Work order
For this exercise, reproduce the entries below exactly, but only from the line containing "#114=IFCINDEXEDPOLYGONALFACE((4,8,72,68));" through the line containing "#125=IFCINDEXEDPOLYGONALFACE((26,30,32,28));", both included.

Recorded data:
------------------------
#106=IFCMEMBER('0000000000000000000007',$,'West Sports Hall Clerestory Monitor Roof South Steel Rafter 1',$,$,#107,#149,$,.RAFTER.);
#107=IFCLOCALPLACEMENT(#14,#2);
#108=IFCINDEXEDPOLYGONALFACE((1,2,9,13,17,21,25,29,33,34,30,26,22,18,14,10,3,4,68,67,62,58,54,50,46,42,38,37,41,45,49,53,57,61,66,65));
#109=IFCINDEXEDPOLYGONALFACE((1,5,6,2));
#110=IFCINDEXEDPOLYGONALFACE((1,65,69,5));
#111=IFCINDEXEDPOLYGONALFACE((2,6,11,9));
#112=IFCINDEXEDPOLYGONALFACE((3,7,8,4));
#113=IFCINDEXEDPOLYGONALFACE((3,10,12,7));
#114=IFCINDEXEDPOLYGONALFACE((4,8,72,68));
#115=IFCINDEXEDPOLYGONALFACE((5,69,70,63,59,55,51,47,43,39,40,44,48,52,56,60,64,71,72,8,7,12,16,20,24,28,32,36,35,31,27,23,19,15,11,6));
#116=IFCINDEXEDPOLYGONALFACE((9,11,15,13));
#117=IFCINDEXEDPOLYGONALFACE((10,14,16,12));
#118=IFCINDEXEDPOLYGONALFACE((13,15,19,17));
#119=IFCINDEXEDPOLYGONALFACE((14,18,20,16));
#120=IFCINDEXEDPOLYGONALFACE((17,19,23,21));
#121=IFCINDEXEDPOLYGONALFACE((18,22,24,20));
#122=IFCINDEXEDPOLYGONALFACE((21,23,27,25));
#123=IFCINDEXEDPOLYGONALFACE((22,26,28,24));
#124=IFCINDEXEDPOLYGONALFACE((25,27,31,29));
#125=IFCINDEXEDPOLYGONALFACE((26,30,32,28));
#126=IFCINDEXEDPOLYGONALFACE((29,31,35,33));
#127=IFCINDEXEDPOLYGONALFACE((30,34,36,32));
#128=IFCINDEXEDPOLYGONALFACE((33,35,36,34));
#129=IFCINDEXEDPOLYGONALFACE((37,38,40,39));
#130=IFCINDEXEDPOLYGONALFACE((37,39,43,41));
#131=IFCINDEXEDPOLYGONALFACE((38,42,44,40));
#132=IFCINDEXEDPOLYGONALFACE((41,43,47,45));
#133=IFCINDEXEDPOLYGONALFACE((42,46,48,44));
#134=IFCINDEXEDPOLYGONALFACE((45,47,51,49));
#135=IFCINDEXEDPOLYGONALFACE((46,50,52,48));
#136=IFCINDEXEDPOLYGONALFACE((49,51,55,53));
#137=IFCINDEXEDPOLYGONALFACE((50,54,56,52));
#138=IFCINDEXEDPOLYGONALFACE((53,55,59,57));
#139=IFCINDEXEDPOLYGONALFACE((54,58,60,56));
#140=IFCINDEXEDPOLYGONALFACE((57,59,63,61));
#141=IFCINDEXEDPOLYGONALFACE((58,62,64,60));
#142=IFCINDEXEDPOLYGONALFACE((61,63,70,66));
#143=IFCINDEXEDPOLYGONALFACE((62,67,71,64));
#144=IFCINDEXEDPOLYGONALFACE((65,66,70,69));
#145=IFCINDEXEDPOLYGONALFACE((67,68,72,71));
------------------------
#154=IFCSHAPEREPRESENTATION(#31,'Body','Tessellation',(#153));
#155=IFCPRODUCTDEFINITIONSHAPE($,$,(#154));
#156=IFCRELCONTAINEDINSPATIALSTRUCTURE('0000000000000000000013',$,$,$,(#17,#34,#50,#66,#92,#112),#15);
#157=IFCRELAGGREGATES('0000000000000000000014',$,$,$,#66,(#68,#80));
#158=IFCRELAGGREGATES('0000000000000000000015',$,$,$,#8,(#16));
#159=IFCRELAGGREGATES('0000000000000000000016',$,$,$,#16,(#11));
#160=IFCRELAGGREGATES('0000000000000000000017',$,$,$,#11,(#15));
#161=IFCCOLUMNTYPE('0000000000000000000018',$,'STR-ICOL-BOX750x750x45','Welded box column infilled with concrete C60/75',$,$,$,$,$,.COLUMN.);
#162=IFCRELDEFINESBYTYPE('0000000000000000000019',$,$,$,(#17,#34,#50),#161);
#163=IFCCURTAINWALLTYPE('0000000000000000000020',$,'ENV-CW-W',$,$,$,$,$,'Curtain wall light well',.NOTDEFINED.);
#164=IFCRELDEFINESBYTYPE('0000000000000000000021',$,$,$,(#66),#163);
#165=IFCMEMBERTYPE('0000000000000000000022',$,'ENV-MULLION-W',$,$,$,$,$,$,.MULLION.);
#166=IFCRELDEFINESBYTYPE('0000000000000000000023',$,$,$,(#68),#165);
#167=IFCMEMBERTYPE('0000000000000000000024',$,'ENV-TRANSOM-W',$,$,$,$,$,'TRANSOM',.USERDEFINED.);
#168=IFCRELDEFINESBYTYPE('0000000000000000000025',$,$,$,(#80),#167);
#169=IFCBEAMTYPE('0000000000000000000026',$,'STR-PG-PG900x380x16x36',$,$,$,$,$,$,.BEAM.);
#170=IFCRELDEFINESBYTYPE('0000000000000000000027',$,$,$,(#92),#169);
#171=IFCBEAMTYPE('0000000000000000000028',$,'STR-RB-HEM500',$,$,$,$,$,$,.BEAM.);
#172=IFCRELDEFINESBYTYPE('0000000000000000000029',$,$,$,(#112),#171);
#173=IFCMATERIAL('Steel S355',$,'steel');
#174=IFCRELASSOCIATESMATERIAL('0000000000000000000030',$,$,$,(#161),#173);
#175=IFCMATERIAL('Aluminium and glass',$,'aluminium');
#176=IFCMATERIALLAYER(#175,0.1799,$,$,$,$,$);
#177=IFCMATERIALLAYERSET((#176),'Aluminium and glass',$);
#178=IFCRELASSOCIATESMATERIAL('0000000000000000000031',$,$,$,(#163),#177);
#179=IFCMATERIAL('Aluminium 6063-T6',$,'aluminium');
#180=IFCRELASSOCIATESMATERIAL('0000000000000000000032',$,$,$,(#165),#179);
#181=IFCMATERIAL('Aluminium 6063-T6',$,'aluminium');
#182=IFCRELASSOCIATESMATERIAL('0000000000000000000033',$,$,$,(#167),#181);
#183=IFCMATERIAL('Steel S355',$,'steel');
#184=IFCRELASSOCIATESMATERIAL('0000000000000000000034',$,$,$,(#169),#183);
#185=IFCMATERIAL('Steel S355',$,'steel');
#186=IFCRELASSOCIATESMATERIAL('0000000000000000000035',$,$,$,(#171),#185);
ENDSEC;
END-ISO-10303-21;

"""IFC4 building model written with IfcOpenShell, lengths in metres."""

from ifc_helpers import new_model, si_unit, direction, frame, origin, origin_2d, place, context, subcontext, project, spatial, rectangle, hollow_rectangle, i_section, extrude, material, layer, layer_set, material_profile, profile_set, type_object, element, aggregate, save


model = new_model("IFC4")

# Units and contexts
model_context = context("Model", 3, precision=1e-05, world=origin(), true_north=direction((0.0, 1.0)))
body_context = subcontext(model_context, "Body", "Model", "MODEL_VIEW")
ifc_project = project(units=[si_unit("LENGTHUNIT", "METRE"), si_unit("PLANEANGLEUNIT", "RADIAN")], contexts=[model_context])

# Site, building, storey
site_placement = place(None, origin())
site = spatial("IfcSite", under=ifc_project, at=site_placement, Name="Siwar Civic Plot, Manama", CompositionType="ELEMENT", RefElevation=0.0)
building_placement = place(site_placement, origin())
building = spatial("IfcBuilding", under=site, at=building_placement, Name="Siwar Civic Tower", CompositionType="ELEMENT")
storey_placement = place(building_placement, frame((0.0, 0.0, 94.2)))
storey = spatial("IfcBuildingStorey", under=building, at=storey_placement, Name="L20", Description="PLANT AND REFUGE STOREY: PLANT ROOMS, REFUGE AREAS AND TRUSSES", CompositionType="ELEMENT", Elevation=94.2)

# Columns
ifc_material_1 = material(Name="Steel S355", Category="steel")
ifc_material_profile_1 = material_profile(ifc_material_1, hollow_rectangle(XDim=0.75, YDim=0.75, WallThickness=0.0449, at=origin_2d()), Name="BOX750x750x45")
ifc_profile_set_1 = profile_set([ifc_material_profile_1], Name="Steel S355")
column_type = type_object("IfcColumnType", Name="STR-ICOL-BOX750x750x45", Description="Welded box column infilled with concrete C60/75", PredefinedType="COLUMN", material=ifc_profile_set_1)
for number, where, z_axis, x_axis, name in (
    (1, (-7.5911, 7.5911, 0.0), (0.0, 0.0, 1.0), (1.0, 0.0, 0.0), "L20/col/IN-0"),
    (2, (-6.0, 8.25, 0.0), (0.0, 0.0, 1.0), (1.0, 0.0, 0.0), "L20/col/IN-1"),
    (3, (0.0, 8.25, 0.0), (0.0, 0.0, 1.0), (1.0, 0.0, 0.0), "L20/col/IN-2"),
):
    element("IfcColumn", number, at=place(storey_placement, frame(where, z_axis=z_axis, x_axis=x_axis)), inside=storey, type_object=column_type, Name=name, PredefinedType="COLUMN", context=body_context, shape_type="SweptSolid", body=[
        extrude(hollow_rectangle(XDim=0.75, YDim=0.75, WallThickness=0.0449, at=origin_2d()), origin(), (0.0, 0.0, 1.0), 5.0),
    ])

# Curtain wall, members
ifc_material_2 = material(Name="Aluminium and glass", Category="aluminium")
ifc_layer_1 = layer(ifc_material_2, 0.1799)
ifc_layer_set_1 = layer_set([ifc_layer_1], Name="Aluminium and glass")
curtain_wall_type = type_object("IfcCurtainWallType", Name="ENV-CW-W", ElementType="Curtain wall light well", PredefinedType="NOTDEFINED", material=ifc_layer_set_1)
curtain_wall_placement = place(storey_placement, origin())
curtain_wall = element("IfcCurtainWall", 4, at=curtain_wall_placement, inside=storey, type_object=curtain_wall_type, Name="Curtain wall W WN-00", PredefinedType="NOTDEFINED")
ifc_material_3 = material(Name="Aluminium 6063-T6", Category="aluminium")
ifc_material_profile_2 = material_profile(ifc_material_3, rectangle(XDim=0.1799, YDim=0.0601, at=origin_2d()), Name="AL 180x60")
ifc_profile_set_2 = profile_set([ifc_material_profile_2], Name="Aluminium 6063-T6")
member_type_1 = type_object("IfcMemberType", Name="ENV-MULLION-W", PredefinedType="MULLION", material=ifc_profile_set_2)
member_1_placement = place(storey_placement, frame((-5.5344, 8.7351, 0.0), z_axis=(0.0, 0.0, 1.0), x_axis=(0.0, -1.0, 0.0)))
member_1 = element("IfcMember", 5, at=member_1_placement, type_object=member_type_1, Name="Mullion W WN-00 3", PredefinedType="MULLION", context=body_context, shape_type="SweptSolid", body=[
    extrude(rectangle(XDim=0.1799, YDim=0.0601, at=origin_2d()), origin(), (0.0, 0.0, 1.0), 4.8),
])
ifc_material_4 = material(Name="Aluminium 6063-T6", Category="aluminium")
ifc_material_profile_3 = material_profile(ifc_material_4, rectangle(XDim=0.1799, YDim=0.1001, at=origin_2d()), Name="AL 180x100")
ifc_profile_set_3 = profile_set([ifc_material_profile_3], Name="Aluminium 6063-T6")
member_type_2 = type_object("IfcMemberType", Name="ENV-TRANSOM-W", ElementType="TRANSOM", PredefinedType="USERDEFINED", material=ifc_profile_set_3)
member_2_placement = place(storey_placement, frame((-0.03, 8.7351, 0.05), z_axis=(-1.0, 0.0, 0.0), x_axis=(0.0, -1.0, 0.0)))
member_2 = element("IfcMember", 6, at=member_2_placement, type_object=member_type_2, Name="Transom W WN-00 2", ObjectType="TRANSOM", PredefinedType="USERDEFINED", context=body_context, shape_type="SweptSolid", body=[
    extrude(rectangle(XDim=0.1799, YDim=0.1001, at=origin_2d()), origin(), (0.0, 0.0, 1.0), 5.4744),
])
------------------------
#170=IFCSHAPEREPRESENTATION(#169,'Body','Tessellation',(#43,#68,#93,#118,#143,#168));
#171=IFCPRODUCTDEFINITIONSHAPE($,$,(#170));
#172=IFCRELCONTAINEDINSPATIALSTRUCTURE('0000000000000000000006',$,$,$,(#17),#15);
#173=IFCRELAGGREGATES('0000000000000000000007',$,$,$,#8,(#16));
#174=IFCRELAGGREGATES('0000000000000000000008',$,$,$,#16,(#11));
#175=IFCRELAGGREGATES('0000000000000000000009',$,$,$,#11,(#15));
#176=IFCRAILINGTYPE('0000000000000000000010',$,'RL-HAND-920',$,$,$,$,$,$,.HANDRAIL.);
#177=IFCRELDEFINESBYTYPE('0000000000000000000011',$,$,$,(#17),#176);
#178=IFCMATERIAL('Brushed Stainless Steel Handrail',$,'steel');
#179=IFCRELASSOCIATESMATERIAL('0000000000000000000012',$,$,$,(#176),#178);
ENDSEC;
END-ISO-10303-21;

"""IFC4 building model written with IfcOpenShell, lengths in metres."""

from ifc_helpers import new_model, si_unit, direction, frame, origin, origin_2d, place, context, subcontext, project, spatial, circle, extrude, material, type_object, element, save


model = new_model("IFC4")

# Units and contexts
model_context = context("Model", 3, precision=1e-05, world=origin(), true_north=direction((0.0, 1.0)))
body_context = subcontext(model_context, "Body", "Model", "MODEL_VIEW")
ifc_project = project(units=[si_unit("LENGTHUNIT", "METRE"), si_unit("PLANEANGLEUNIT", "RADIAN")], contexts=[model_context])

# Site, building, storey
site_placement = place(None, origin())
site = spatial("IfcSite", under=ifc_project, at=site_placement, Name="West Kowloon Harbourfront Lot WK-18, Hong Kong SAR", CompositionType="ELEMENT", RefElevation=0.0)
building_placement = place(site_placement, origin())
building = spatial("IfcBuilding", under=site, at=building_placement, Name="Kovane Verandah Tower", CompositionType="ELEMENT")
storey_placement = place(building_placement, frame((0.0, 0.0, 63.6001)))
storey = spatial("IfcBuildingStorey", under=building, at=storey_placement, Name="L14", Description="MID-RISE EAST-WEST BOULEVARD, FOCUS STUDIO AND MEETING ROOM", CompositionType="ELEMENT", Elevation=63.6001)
------------------------
Reply to the task
#114=IFCINDEXEDPOLYGONALFACE((4,8,72,68));
#115=IFCINDEXEDPOLYGONALFACE((5,69,70,63,59,55,51,47,43,39,40,44,48,52,56,60,64,71,72,8,7,12,16,20,24,28,32,36,35,31,27,23,19,15,11,6));
#116=IFCINDEXEDPOLYGONALFACE((9,11,15,13));
#117=IFCINDEXEDPOLYGONALFACE((10,14,16,12));
#118=IFCINDEXEDPOLYGONALFACE((13,15,19,17));
#119=IFCINDEXEDPOLYGONALFACE((14,18,20,16));
#120=IFCINDEXEDPOLYGONALFACE((17,19,23,21));
#121=IFCINDEXEDPOLYGONALFACE((18,22,24,20));
#122=IFCINDEXEDPOLYGONALFACE((21,23,27,25));
#123=IFCINDEXEDPOLYGONALFACE((22,26,28,24));
#124=IFCINDEXEDPOLYGONALFACE((25,27,31,29));
#125=IFCINDEXEDPOLYGONALFACE((26,30,32,28));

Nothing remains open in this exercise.